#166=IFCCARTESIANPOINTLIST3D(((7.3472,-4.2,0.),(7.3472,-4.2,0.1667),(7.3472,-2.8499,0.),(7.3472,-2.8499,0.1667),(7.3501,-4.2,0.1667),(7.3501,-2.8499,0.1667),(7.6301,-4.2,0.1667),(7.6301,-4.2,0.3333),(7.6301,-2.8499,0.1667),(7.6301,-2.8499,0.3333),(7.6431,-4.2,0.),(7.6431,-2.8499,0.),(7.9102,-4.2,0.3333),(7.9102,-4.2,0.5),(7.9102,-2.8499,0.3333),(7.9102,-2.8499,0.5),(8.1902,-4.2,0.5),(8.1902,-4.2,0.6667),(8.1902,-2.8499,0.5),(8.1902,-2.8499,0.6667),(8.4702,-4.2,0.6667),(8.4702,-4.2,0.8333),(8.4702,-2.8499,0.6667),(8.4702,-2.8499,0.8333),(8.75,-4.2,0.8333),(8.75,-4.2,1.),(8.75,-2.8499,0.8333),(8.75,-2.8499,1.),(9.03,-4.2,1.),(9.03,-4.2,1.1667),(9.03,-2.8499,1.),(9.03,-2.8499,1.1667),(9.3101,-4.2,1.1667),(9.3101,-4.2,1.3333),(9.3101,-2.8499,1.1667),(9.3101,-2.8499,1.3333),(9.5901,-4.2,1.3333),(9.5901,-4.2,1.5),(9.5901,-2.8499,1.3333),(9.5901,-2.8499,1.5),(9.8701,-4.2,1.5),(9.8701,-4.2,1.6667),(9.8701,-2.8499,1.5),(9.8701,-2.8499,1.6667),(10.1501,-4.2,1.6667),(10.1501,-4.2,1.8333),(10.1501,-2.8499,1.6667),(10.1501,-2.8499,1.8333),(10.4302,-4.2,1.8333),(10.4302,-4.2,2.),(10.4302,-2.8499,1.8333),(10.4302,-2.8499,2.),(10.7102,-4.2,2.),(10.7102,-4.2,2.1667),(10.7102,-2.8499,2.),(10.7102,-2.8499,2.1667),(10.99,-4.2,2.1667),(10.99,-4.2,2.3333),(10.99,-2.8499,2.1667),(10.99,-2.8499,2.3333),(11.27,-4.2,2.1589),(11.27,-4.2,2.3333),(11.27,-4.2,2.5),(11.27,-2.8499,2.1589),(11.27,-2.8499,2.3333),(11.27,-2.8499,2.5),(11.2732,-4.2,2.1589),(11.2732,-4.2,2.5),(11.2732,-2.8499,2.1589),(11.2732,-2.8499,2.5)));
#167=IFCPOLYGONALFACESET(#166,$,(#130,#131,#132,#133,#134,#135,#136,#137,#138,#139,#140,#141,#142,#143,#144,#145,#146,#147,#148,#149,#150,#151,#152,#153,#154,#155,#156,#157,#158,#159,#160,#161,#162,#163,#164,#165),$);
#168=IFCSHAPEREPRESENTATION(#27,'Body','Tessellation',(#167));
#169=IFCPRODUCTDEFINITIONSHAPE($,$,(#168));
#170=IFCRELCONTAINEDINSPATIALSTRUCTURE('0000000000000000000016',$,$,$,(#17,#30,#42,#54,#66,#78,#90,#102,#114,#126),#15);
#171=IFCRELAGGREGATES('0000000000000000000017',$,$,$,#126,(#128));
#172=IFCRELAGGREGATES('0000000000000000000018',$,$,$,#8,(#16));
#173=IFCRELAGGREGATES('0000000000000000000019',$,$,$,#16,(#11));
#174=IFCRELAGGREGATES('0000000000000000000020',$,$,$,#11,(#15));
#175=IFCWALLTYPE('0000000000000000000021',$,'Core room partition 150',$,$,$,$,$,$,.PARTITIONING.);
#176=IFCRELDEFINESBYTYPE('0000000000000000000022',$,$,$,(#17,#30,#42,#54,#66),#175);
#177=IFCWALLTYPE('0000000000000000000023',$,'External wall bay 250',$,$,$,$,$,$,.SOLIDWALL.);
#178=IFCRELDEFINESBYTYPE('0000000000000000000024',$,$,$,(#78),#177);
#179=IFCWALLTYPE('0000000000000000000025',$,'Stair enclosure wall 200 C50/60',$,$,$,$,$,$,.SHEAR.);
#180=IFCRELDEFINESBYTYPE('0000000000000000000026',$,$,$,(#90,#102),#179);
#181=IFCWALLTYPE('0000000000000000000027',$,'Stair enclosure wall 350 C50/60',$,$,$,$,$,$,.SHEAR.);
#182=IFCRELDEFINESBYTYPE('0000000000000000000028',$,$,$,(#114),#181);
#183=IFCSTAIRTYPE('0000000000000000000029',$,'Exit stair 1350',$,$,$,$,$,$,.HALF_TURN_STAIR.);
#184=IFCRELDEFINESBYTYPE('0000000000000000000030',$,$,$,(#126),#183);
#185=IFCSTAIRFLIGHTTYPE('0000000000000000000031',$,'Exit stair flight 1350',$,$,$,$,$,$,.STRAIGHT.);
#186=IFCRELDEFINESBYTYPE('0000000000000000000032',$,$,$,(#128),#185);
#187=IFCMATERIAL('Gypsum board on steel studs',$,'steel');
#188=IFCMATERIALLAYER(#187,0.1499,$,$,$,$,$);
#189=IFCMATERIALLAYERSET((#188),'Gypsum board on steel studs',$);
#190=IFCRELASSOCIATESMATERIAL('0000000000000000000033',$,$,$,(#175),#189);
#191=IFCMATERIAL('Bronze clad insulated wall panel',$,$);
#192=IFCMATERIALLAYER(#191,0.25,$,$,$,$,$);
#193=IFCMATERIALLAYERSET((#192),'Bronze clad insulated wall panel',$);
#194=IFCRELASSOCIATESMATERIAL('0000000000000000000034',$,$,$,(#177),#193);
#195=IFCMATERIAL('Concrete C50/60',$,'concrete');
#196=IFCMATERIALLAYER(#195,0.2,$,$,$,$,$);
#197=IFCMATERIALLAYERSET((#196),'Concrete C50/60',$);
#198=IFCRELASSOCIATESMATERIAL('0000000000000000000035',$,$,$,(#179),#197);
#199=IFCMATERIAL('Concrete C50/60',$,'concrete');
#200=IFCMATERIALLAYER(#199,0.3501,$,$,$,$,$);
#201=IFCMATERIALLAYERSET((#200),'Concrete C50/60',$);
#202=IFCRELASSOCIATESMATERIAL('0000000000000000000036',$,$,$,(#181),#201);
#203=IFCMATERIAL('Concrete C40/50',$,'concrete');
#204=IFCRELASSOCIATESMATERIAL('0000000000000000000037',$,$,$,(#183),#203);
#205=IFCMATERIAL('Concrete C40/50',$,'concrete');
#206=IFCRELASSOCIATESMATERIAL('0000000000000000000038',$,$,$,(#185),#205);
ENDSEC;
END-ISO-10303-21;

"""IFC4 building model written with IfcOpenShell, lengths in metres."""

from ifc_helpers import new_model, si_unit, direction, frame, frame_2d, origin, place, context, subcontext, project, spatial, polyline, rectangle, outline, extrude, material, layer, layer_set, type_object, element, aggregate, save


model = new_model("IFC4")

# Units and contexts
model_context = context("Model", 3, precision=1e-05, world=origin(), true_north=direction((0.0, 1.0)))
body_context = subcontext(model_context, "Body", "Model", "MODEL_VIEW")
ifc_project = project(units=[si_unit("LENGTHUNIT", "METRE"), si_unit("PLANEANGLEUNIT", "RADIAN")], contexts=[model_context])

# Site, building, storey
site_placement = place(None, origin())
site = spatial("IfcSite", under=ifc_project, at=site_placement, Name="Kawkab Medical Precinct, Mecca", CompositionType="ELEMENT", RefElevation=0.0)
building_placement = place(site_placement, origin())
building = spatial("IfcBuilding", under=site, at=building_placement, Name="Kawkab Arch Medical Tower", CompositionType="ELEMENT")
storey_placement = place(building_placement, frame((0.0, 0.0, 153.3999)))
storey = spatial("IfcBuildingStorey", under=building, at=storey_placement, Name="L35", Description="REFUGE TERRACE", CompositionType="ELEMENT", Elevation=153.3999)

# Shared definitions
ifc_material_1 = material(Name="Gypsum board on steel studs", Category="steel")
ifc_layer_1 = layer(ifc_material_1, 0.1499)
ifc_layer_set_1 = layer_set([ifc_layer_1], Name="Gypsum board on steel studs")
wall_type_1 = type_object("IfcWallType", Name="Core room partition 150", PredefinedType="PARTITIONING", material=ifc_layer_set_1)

::::::::

--- Assigned task ---
Above is a listing; print exactly its lines from the one with "#201=IFCMATERIALLAYERSET((#200),'Concrete C50/60',$);" through the one with "building model written", and no other lines.

--- Answer to the problem ---
#201=IFCMATERIALLAYERSET((#200),'Concrete C50/60',$);
#202=IFCRELASSOCIATESMATERIAL('0000000000000000000036',$,$,$,(#181),#201);
#203=IFCMATERIAL('Concrete C40/50',$,'concrete');
#204=IFCRELASSOCIATESMATERIAL('0000000000000000000037',$,$,$,(#183),#203);
#205=IFCMATERIAL('Concrete C40/50',$,'concrete');
#206=IFCRELASSOCIATESMATERIAL('0000000000000000000038',$,$,$,(#185),#205);
ENDSEC;
END-ISO-10303-21;

"""IFC4 building model written with IfcOpenShell, lengths in metres."""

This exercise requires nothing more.